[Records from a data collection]

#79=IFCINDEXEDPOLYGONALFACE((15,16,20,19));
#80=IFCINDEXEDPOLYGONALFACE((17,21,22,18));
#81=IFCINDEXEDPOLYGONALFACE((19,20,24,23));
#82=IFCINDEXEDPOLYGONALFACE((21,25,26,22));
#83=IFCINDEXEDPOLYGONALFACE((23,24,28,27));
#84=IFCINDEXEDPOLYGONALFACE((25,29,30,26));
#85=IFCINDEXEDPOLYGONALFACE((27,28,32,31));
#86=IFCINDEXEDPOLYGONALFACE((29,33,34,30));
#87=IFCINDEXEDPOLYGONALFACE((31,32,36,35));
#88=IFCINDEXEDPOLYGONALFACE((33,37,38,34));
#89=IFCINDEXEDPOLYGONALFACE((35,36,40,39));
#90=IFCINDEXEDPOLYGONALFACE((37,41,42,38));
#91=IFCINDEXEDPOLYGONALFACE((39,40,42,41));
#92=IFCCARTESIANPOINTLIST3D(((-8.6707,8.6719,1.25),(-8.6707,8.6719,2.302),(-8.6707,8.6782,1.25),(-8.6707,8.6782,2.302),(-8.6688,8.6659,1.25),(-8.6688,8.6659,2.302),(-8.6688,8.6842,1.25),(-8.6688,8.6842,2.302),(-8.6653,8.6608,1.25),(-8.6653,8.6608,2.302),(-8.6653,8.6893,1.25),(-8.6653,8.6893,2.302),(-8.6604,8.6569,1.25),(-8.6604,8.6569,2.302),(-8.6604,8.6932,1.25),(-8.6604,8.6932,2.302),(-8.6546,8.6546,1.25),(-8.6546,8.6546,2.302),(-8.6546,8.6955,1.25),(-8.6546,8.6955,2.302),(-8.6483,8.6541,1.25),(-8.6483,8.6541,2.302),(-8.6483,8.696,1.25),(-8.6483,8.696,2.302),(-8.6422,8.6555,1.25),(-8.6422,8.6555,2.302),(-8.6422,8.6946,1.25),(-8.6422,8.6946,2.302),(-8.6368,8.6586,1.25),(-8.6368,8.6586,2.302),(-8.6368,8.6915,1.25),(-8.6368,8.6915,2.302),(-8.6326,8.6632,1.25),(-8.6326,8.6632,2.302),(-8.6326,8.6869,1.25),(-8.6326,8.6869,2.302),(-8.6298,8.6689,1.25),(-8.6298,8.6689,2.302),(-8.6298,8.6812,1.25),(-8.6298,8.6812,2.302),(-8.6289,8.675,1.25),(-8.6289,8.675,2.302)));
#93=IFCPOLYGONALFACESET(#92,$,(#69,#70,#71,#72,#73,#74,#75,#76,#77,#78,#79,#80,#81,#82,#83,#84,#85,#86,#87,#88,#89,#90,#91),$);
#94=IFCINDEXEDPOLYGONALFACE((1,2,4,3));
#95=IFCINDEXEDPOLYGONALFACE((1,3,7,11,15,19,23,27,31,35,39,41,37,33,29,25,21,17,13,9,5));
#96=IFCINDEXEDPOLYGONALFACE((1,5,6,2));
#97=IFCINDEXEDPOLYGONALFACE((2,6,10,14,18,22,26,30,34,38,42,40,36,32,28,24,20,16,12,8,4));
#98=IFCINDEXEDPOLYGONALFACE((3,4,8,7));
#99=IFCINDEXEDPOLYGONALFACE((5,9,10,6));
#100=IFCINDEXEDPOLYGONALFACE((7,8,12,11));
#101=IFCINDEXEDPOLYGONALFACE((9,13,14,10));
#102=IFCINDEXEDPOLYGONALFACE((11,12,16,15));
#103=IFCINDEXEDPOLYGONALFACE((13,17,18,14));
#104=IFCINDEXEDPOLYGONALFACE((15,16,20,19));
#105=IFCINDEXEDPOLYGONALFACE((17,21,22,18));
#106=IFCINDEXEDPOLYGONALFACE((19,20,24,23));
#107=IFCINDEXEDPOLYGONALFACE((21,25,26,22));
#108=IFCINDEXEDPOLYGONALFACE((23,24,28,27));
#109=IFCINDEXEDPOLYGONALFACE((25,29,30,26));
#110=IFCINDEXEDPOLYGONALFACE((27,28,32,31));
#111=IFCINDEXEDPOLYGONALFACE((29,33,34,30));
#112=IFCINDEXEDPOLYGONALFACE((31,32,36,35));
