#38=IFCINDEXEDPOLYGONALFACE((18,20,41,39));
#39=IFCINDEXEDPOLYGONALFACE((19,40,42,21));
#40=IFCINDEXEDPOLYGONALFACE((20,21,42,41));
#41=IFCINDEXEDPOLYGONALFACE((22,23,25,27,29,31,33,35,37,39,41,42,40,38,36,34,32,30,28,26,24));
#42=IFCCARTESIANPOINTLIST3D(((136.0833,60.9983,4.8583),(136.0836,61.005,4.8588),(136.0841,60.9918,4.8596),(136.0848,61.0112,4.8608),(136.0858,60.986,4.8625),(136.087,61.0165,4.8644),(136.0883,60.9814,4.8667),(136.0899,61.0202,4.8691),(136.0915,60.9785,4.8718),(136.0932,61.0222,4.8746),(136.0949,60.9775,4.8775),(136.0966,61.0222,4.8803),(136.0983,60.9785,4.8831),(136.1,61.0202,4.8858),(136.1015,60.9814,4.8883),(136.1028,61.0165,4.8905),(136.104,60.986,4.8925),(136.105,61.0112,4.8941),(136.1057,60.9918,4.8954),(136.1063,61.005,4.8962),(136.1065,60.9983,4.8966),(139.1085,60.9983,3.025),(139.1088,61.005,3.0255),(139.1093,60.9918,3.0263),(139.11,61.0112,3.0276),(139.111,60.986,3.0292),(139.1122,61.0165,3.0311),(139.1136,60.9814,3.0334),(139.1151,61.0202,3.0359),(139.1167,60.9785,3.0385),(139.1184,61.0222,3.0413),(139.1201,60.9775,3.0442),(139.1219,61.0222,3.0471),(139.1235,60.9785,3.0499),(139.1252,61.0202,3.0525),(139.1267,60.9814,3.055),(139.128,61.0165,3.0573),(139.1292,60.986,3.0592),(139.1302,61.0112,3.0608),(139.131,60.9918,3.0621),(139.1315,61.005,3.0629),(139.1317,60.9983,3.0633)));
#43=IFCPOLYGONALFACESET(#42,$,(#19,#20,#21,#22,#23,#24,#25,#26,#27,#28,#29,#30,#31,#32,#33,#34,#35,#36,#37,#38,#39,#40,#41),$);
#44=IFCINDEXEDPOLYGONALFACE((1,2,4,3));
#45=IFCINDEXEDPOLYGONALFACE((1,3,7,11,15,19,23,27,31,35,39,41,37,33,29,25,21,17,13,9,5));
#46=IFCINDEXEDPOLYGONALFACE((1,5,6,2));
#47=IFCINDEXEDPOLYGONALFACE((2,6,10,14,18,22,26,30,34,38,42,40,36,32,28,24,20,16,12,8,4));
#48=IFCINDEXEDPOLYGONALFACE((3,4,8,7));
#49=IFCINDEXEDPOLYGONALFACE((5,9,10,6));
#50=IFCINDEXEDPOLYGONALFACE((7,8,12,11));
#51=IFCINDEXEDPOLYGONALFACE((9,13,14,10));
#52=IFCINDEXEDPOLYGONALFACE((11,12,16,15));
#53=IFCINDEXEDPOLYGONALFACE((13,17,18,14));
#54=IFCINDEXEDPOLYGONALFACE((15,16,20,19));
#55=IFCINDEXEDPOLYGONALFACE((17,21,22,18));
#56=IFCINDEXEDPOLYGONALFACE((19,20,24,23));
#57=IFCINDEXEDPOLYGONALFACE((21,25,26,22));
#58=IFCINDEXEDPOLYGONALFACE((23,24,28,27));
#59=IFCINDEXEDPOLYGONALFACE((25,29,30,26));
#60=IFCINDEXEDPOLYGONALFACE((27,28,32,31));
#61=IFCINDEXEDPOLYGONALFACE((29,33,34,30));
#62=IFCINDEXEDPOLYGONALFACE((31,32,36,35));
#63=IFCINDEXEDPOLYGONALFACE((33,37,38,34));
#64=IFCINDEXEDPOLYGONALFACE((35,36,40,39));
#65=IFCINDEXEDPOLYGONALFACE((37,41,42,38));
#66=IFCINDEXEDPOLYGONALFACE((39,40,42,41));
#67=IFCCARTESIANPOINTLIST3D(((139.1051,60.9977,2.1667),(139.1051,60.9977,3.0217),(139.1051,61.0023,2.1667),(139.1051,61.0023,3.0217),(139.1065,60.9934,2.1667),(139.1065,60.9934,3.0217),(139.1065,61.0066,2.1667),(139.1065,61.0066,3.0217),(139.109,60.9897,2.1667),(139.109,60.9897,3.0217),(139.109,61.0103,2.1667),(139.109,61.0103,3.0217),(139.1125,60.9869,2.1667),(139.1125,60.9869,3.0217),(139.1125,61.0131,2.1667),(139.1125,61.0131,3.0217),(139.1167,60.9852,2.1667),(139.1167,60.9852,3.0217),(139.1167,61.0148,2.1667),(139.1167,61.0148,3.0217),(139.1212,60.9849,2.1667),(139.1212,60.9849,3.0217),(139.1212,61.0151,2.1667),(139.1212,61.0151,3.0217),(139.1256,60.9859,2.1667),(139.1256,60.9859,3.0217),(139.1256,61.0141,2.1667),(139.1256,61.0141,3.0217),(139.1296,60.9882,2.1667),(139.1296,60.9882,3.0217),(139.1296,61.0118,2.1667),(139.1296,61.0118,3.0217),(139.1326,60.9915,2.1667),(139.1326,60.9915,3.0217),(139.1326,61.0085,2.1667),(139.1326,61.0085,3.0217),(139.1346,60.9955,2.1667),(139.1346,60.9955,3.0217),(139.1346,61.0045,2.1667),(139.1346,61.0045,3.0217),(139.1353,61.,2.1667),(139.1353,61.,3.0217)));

> _WHAT IS BEING ASKED_
The first line of the entries, the line with "#84=IFCINDEXEDPOLYGONALFACE((25,29,30,26));", and every line between them should be retyped exactly, and nothing else.

> _TASK RESPONSE_
#79=IFCINDEXEDPOLYGONALFACE((15,16,20,19));
#80=IFCINDEXEDPOLYGONALFACE((17,21,22,18));
#81=IFCINDEXEDPOLYGONALFACE((19,20,24,23));
#82=IFCINDEXEDPOLYGONALFACE((21,25,26,22));
#83=IFCINDEXEDPOLYGONALFACE((23,24,28,27));
#84=IFCINDEXEDPOLYGONALFACE((25,29,30,26));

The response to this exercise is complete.